**Data provided:**
****

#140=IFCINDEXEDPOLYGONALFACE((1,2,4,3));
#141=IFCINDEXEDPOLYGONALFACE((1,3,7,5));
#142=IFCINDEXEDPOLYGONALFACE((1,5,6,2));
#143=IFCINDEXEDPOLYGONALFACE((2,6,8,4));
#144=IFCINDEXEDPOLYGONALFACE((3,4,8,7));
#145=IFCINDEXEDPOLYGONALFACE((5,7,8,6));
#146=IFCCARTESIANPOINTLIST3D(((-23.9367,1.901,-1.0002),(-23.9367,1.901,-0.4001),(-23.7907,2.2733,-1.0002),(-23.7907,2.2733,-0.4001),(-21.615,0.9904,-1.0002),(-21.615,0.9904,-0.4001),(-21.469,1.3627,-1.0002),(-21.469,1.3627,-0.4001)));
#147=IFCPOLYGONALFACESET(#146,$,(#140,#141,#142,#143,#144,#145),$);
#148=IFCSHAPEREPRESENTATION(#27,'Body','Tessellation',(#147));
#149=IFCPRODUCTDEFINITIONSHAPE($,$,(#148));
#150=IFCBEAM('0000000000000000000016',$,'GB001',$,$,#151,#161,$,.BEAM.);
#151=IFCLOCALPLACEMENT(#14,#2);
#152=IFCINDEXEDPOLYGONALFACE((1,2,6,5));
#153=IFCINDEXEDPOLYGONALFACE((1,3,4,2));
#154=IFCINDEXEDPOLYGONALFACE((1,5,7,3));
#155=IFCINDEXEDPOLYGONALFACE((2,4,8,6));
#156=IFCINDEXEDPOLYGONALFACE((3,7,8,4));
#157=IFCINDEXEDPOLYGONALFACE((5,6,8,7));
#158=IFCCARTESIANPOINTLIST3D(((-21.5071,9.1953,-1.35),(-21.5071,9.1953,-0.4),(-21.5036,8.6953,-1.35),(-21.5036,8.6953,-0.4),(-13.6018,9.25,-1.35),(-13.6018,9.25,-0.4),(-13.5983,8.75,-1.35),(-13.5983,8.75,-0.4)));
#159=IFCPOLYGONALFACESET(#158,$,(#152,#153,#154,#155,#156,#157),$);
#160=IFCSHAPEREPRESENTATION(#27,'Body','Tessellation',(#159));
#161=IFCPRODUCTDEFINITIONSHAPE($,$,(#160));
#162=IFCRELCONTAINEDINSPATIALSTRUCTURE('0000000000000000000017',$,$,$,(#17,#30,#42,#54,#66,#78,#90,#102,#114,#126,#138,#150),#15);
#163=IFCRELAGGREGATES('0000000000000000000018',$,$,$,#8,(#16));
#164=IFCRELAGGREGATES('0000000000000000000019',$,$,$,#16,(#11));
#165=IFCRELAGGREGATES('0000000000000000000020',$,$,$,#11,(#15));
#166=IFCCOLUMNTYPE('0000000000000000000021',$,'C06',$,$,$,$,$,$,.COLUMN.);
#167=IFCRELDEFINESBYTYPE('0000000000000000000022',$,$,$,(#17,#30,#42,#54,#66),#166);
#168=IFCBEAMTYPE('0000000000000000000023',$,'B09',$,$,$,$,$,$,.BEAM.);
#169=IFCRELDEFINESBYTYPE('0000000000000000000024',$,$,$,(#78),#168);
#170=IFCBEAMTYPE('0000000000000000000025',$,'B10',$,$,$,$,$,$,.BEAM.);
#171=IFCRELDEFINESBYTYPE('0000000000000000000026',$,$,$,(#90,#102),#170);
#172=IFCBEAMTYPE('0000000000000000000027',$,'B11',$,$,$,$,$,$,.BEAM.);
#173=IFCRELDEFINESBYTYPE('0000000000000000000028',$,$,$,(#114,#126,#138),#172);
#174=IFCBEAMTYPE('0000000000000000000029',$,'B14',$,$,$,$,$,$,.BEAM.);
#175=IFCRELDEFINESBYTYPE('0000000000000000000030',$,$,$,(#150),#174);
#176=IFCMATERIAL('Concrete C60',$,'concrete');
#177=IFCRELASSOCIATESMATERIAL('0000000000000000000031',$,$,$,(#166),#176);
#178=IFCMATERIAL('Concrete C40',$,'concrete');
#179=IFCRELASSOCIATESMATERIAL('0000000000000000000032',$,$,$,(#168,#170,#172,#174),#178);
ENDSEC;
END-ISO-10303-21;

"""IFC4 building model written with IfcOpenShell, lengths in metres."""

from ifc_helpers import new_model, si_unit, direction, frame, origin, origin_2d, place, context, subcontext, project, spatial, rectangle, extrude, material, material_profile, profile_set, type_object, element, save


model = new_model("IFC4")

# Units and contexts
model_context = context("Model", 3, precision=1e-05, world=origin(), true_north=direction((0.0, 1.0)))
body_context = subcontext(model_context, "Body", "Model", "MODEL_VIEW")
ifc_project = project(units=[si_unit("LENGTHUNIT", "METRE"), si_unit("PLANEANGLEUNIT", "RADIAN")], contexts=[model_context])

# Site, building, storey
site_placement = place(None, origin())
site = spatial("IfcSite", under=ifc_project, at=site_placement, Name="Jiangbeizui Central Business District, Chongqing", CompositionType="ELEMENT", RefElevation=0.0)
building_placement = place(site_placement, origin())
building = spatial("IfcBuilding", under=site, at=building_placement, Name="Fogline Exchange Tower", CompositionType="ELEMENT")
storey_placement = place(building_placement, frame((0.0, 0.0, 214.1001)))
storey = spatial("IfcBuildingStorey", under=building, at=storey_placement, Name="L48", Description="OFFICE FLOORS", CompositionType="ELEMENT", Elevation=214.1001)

****

**Exercise description:** Your task is to retype the records above exactly.

**Result of this exercise:**
#140=IFCINDEXEDPOLYGONALFACE((1,2,4,3));
#141=IFCINDEXEDPOLYGONALFACE((1,3,7,5));
#142=IFCINDEXEDPOLYGONALFACE((1,5,6,2));
#143=IFCINDEXEDPOLYGONALFACE((2,6,8,4));
#144=IFCINDEXEDPOLYGONALFACE((3,4,8,7));
#145=IFCINDEXEDPOLYGONALFACE((5,7,8,6));
#146=IFCCARTESIANPOINTLIST3D(((-23.9367,1.901,-1.0002),(-23.9367,1.901,-0.4001),(-23.7907,2.2733,-1.0002),(-23.7907,2.2733,-0.4001),(-21.615,0.9904,-1.0002),(-21.615,0.9904,-0.4001),(-21.469,1.3627,-1.0002),(-21.469,1.3627,-0.4001)));
#147=IFCPOLYGONALFACESET(#146,$,(#140,#141,#142,#143,#144,#145),$);
#148=IFCSHAPEREPRESENTATION(#27,'Body','Tessellation',(#147));
#149=IFCPRODUCTDEFINITIONSHAPE($,$,(#148));
#150=IFCBEAM('0000000000000000000016',$,'GB001',$,$,#151,#161,$,.BEAM.);
#151=IFCLOCALPLACEMENT(#14,#2);
#152=IFCINDEXEDPOLYGONALFACE((1,2,6,5));
#153=IFCINDEXEDPOLYGONALFACE((1,3,4,2));
#154=IFCINDEXEDPOLYGONALFACE((1,5,7,3));
#155=IFCINDEXEDPOLYGONALFACE((2,4,8,6));
#156=IFCINDEXEDPOLYGONALFACE((3,7,8,4));
#157=IFCINDEXEDPOLYGONALFACE((5,6,8,7));
#158=IFCCARTESIANPOINTLIST3D(((-21.5071,9.1953,-1.35),(-21.5071,9.1953,-0.4),(-21.5036,8.6953,-1.35),(-21.5036,8.6953,-0.4),(-13.6018,9.25,-1.35),(-13.6018,9.25,-0.4),(-13.5983,8.75,-1.35),(-13.5983,8.75,-0.4)));
#159=IFCPOLYGONALFACESET(#158,$,(#152,#153,#154,#155,#156,#157),$);
#160=IFCSHAPEREPRESENTATION(#27,'Body','Tessellation',(#159));
#161=IFCPRODUCTDEFINITIONSHAPE($,$,(#160));
#162=IFCRELCONTAINEDINSPATIALSTRUCTURE('0000000000000000000017',$,$,$,(#17,#30,#42,#54,#66,#78,#90,#102,#114,#126,#138,#150),#15);
#163=IFCRELAGGREGATES('0000000000000000000018',$,$,$,#8,(#16));
#164=IFCRELAGGREGATES('0000000000000000000019',$,$,$,#16,(#11));
#165=IFCRELAGGREGATES('0000000000000000000020',$,$,$,#11,(#15));
#166=IFCCOLUMNTYPE('0000000000000000000021',$,'C06',$,$,$,$,$,$,.COLUMN.);
#167=IFCRELDEFINESBYTYPE('0000000000000000000022',$,$,$,(#17,#30,#42,#54,#66),#166);
#168=IFCBEAMTYPE('0000000000000000000023',$,'B09',$,$,$,$,$,$,.BEAM.);
#169=IFCRELDEFINESBYTYPE('0000000000000000000024',$,$,$,(#78),#168);
#170=IFCBEAMTYPE('0000000000000000000025',$,'B10',$,$,$,$,$,$,.BEAM.);
#171=IFCRELDEFINESBYTYPE('0000000000000000000026',$,$,$,(#90,#102),#170);
#172=IFCBEAMTYPE('0000000000000000000027',$,'B11',$,$,$,$,$,$,.BEAM.);
#173=IFCRELDEFINESBYTYPE('0000000000000000000028',$,$,$,(#114,#126,#138),#172);
#174=IFCBEAMTYPE('0000000000000000000029',$,'B14',$,$,$,$,$,$,.BEAM.);
#175=IFCRELDEFINESBYTYPE('0000000000000000000030',$,$,$,(#150),#174);
#176=IFCMATERIAL('Concrete C60',$,'concrete');
#177=IFCRELASSOCIATESMATERIAL('0000000000000000000031',$,$,$,(#166),#176);
#178=IFCMATERIAL('Concrete C40',$,'concrete');
#179=IFCRELASSOCIATESMATERIAL('0000000000000000000032',$,$,$,(#168,#170,#172,#174),#178);
ENDSEC;
END-ISO-10303-21;

"""IFC4 building model written with IfcOpenShell, lengths in metres."""

from ifc_helpers import new_model, si_unit, direction, frame, origin, origin_2d, place, context, subcontext, project, spatial, rectangle, extrude, material, material_profile, profile_set, type_object, element, save


model = new_model("IFC4")

# Units and contexts
model_context = context("Model", 3, precision=1e-05, world=origin(), true_north=direction((0.0, 1.0)))
body_context = subcontext(model_context, "Body", "Model", "MODEL_VIEW")
ifc_project = project(units=[si_unit("LENGTHUNIT", "METRE"), si_unit("PLANEANGLEUNIT", "RADIAN")], contexts=[model_context])

# Site, building, storey
site_placement = place(None, origin())
site = spatial("IfcSite", under=ifc_project, at=site_placement, Name="Jiangbeizui Central Business District, Chongqing", CompositionType="ELEMENT", RefElevation=0.0)
building_placement = place(site_placement, origin())
building = spatial("IfcBuilding", under=site, at=building_placement, Name="Fogline Exchange Tower", CompositionType="ELEMENT")
storey_placement = place(building_placement, frame((0.0, 0.0, 214.1001)))
storey = spatial("IfcBuildingStorey", under=building, at=storey_placement, Name="L48", Description="OFFICE FLOORS", CompositionType="ELEMENT", Elevation=214.1001)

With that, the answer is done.